Task input: Begin

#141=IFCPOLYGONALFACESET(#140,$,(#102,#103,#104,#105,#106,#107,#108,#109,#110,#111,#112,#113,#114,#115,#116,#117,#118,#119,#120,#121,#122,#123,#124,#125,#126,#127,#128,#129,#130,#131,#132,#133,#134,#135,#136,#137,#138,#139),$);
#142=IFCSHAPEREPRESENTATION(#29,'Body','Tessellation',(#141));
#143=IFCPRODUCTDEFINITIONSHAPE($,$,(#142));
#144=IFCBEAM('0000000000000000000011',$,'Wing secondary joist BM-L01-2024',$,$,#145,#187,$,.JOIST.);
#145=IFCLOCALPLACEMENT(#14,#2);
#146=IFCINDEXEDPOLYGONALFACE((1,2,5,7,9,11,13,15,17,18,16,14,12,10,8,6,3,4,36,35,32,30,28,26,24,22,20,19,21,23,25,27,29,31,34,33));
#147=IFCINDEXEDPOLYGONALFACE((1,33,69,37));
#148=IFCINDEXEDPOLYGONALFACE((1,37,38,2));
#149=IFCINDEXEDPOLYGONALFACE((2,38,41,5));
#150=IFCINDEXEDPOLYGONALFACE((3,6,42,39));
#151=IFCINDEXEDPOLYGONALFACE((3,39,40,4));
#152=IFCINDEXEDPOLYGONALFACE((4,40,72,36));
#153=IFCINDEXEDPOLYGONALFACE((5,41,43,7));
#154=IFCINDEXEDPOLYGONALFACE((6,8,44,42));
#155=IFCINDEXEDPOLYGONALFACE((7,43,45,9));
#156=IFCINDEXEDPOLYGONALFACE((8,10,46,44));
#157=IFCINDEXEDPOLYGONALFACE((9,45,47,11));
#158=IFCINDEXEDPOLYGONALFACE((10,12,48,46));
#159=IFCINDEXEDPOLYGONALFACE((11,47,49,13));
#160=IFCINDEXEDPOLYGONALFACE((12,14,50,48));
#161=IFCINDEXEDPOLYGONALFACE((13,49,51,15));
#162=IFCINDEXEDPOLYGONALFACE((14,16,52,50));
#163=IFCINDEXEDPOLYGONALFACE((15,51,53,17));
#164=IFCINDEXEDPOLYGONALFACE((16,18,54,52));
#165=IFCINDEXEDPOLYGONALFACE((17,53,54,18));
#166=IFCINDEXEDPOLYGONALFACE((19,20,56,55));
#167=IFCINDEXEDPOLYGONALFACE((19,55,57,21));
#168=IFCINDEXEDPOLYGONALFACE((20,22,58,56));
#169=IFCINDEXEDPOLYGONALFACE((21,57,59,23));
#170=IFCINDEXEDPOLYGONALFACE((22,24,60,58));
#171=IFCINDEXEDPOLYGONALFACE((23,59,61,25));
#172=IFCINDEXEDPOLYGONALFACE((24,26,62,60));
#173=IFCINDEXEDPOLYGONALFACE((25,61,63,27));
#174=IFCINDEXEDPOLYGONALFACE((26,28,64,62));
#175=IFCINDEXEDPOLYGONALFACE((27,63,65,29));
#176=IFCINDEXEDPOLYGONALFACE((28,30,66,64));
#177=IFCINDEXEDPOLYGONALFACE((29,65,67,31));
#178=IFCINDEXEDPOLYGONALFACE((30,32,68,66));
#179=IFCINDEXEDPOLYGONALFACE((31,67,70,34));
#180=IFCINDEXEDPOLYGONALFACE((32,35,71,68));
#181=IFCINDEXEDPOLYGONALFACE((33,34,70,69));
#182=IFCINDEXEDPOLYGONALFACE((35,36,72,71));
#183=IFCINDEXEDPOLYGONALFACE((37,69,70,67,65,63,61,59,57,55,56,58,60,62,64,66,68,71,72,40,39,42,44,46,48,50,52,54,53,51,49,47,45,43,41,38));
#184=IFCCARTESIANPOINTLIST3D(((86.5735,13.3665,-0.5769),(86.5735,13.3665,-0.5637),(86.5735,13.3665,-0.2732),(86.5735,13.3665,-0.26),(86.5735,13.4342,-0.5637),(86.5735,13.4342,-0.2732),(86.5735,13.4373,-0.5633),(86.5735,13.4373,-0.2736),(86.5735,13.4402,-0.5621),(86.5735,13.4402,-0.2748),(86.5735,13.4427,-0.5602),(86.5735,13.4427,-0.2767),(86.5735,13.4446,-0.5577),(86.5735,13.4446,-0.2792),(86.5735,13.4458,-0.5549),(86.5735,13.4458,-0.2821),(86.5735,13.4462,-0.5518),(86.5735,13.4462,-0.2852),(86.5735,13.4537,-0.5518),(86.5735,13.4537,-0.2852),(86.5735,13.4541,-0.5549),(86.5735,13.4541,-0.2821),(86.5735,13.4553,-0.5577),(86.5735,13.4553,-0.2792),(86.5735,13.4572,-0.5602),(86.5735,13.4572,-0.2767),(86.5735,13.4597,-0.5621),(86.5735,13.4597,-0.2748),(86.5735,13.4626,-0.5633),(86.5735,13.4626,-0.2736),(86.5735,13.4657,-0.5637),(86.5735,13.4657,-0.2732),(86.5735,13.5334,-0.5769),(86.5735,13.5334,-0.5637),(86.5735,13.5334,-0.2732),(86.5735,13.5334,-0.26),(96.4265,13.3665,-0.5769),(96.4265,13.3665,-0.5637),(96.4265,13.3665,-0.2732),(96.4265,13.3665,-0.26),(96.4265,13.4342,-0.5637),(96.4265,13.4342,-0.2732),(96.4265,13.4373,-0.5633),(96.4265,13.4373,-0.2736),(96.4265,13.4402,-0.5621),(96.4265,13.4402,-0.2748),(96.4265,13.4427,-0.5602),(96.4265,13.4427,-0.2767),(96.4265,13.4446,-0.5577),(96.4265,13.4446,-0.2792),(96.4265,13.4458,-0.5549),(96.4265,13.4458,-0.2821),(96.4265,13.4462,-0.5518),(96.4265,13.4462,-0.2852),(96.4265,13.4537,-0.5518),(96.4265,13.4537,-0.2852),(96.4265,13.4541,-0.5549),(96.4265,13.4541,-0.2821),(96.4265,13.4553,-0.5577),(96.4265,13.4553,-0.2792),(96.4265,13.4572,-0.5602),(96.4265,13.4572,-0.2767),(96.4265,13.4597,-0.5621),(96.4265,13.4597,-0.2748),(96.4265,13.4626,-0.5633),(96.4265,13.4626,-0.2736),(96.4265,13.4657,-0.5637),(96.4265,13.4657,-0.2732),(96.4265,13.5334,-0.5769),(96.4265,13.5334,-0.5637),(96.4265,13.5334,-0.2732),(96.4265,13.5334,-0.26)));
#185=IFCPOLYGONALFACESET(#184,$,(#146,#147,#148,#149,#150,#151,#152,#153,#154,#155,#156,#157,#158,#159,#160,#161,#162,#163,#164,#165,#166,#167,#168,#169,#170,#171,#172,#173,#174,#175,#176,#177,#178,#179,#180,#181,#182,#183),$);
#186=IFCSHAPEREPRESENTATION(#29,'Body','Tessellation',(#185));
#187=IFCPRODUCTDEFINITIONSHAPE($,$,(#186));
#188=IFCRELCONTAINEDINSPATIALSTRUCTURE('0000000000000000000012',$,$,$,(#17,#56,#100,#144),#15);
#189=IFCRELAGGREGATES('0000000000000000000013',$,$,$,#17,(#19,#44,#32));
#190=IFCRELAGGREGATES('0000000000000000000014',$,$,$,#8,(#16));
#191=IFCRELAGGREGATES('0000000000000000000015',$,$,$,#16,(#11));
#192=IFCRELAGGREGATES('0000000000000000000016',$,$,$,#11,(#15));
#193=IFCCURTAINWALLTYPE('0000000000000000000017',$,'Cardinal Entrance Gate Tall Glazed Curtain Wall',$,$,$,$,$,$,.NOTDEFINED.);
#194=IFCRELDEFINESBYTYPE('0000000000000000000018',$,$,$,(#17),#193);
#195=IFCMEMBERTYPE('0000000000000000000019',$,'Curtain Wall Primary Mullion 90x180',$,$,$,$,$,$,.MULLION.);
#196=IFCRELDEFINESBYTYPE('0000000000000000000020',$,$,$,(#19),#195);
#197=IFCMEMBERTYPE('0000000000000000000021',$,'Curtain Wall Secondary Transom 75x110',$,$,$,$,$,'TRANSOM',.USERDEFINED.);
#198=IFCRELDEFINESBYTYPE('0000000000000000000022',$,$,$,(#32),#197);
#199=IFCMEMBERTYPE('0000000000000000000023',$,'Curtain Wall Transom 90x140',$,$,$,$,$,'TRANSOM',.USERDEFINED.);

Task input: End

◆ Task to complete ◆
The response must consist of the lines above, from the first one through the line containing "#145=IFCLOCALPLACEMENT(#14,#2);", reproduced exactly.

◆ Exercise output ◆
#141=IFCPOLYGONALFACESET(#140,$,(#102,#103,#104,#105,#106,#107,#108,#109,#110,#111,#112,#113,#114,#115,#116,#117,#118,#119,#120,#121,#122,#123,#124,#125,#126,#127,#128,#129,#130,#131,#132,#133,#134,#135,#136,#137,#138,#139),$);
#142=IFCSHAPEREPRESENTATION(#29,'Body','Tessellation',(#141));
#143=IFCPRODUCTDEFINITIONSHAPE($,$,(#142));
#144=IFCBEAM('0000000000000000000011',$,'Wing secondary joist BM-L01-2024',$,$,#145,#187,$,.JOIST.);
#145=IFCLOCALPLACEMENT(#14,#2);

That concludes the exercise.